* _Information_:
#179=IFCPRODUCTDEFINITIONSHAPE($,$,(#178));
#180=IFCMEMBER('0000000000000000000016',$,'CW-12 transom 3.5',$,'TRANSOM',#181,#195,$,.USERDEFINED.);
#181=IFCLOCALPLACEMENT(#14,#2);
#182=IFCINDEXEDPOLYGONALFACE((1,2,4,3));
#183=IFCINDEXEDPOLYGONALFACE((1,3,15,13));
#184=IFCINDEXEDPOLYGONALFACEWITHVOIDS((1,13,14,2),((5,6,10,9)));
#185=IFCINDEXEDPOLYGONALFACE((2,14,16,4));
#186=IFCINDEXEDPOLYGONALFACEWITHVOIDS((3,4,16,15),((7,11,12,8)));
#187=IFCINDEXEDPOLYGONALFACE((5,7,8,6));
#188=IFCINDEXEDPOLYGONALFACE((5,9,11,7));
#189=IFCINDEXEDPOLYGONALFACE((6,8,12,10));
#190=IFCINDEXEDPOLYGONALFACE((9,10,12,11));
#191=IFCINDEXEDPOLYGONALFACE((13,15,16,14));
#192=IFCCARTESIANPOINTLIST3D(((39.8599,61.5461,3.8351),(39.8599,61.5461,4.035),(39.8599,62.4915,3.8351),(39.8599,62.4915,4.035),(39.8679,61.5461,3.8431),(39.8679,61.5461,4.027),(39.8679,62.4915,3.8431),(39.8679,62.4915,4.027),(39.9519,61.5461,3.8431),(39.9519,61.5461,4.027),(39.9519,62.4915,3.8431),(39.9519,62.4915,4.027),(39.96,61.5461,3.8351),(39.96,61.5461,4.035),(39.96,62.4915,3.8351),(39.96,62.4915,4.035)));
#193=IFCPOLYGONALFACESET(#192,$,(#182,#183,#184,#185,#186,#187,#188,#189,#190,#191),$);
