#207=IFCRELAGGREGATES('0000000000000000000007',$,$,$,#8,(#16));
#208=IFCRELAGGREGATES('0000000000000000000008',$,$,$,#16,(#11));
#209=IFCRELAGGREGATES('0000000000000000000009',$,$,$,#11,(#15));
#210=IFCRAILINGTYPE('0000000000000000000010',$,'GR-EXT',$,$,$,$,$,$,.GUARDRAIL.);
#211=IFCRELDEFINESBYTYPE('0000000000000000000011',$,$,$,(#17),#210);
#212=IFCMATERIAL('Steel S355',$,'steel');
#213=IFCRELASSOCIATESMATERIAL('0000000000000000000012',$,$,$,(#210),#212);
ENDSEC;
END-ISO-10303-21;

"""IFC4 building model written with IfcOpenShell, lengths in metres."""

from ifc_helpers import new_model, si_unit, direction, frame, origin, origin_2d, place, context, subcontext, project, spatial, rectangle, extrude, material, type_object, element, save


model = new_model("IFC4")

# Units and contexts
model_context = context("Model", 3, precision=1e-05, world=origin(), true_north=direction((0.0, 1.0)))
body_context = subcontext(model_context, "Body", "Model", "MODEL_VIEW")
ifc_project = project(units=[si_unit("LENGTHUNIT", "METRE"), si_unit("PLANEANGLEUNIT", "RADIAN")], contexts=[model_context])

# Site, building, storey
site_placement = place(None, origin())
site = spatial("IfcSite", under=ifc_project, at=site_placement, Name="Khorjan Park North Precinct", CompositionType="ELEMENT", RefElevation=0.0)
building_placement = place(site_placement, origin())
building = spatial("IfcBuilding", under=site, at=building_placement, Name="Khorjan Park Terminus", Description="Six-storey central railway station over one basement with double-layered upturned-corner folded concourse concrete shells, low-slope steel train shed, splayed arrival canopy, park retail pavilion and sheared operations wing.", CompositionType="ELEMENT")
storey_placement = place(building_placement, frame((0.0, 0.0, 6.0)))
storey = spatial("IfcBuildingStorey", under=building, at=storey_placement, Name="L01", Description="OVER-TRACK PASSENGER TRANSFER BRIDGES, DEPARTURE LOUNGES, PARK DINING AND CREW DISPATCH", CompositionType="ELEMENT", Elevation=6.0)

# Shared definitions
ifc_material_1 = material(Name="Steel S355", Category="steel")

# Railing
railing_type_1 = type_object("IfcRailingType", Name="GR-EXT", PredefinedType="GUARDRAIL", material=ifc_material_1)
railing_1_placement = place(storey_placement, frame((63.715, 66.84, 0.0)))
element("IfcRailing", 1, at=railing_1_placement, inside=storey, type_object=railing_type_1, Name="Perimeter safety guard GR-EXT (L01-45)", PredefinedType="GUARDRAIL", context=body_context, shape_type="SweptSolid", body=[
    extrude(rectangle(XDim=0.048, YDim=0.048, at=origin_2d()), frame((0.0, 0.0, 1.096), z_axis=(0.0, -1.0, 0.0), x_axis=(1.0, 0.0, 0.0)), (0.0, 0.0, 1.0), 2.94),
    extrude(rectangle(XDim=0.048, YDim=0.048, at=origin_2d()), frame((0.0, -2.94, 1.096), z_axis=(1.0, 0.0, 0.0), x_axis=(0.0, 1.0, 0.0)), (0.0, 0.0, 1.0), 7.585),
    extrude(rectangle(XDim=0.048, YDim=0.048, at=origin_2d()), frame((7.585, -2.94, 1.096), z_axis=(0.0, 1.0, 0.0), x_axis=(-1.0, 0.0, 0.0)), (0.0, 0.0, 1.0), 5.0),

* _Prompt_:
Would you transcribe the entire listing above without any deviation?

* _Exercise answer_:
#179=IFCPRODUCTDEFINITIONSHAPE($,$,(#178));
#180=IFCMEMBER('0000000000000000000016',$,'CW-12 transom 3.5',$,'TRANSOM',#181,#195,$,.USERDEFINED.);
#181=IFCLOCALPLACEMENT(#14,#2);
#182=IFCINDEXEDPOLYGONALFACE((1,2,4,3));
#183=IFCINDEXEDPOLYGONALFACE((1,3,15,13));
#184=IFCINDEXEDPOLYGONALFACEWITHVOIDS((1,13,14,2),((5,6,10,9)));
#185=IFCINDEXEDPOLYGONALFACE((2,14,16,4));
#186=IFCINDEXEDPOLYGONALFACEWITHVOIDS((3,4,16,15),((7,11,12,8)));
#187=IFCINDEXEDPOLYGONALFACE((5,7,8,6));
#188=IFCINDEXEDPOLYGONALFACE((5,9,11,7));
#189=IFCINDEXEDPOLYGONALFACE((6,8,12,10));
#190=IFCINDEXEDPOLYGONALFACE((9,10,12,11));
#191=IFCINDEXEDPOLYGONALFACE((13,15,16,14));
#192=IFCCARTESIANPOINTLIST3D(((39.8599,61.5461,3.8351),(39.8599,61.5461,4.035),(39.8599,62.4915,3.8351),(39.8599,62.4915,4.035),(39.8679,61.5461,3.8431),(39.8679,61.5461,4.027),(39.8679,62.4915,3.8431),(39.8679,62.4915,4.027),(39.9519,61.5461,3.8431),(39.9519,61.5461,4.027),(39.9519,62.4915,3.8431),(39.9519,62.4915,4.027),(39.96,61.5461,3.8351),(39.96,61.5461,4.035),(39.96,62.4915,3.8351),(39.96,62.4915,4.035)));
#193=IFCPOLYGONALFACESET(#192,$,(#182,#183,#184,#185,#186,#187,#188,#189,#190,#191),$);
#207=IFCRELAGGREGATES('0000000000000000000007',$,$,$,#8,(#16));
#208=IFCRELAGGREGATES('0000000000000000000008',$,$,$,#16,(#11));
#209=IFCRELAGGREGATES('0000000000000000000009',$,$,$,#11,(#15));
#210=IFCRAILINGTYPE('0000000000000000000010',$,'GR-EXT',$,$,$,$,$,$,.GUARDRAIL.);
#211=IFCRELDEFINESBYTYPE('0000000000000000000011',$,$,$,(#17),#210);
#212=IFCMATERIAL('Steel S355',$,'steel');
#213=IFCRELASSOCIATESMATERIAL('0000000000000000000012',$,$,$,(#210),#212);
ENDSEC;
END-ISO-10303-21;

"""IFC4 building model written with IfcOpenShell, lengths in metres."""

from ifc_helpers import new_model, si_unit, direction, frame, origin, origin_2d, place, context, subcontext, project, spatial, rectangle, extrude, material, type_object, element, save


model = new_model("IFC4")

# Units and contexts
model_context = context("Model", 3, precision=1e-05, world=origin(), true_north=direction((0.0, 1.0)))
body_context = subcontext(model_context, "Body", "Model", "MODEL_VIEW")
ifc_project = project(units=[si_unit("LENGTHUNIT", "METRE"), si_unit("PLANEANGLEUNIT", "RADIAN")], contexts=[model_context])

# Site, building, storey
site_placement = place(None, origin())
site = spatial("IfcSite", under=ifc_project, at=site_placement, Name="Khorjan Park North Precinct", CompositionType="ELEMENT", RefElevation=0.0)
building_placement = place(site_placement, origin())
building = spatial("IfcBuilding", under=site, at=building_placement, Name="Khorjan Park Terminus", Description="Six-storey central railway station over one basement with double-layered upturned-corner folded concourse concrete shells, low-slope steel train shed, splayed arrival canopy, park retail pavilion and sheared operations wing.", CompositionType="ELEMENT")
storey_placement = place(building_placement, frame((0.0, 0.0, 6.0)))
storey = spatial("IfcBuildingStorey", under=building, at=storey_placement, Name="L01", Description="OVER-TRACK PASSENGER TRANSFER BRIDGES, DEPARTURE LOUNGES, PARK DINING AND CREW DISPATCH", CompositionType="ELEMENT", Elevation=6.0)

# Shared definitions
ifc_material_1 = material(Name="Steel S355", Category="steel")

# Railing
railing_type_1 = type_object("IfcRailingType", Name="GR-EXT", PredefinedType="GUARDRAIL", material=ifc_material_1)
railing_1_placement = place(storey_placement, frame((63.715, 66.84, 0.0)))
element("IfcRailing", 1, at=railing_1_placement, inside=storey, type_object=railing_type_1, Name="Perimeter safety guard GR-EXT (L01-45)", PredefinedType="GUARDRAIL", context=body_context, shape_type="SweptSolid", body=[
    extrude(rectangle(XDim=0.048, YDim=0.048, at=origin_2d()), frame((0.0, 0.0, 1.096), z_axis=(0.0, -1.0, 0.0), x_axis=(1.0, 0.0, 0.0)), (0.0, 0.0, 1.0), 2.94),
    extrude(rectangle(XDim=0.048, YDim=0.048, at=origin_2d()), frame((0.0, -2.94, 1.096), z_axis=(1.0, 0.0, 0.0), x_axis=(0.0, 1.0, 0.0)), (0.0, 0.0, 1.0), 7.585),
    extrude(rectangle(XDim=0.048, YDim=0.048, at=origin_2d()), frame((7.585, -2.94, 1.096), z_axis=(0.0, 1.0, 0.0), x_axis=(-1.0, 0.0, 0.0)), (0.0, 0.0, 1.0), 5.0),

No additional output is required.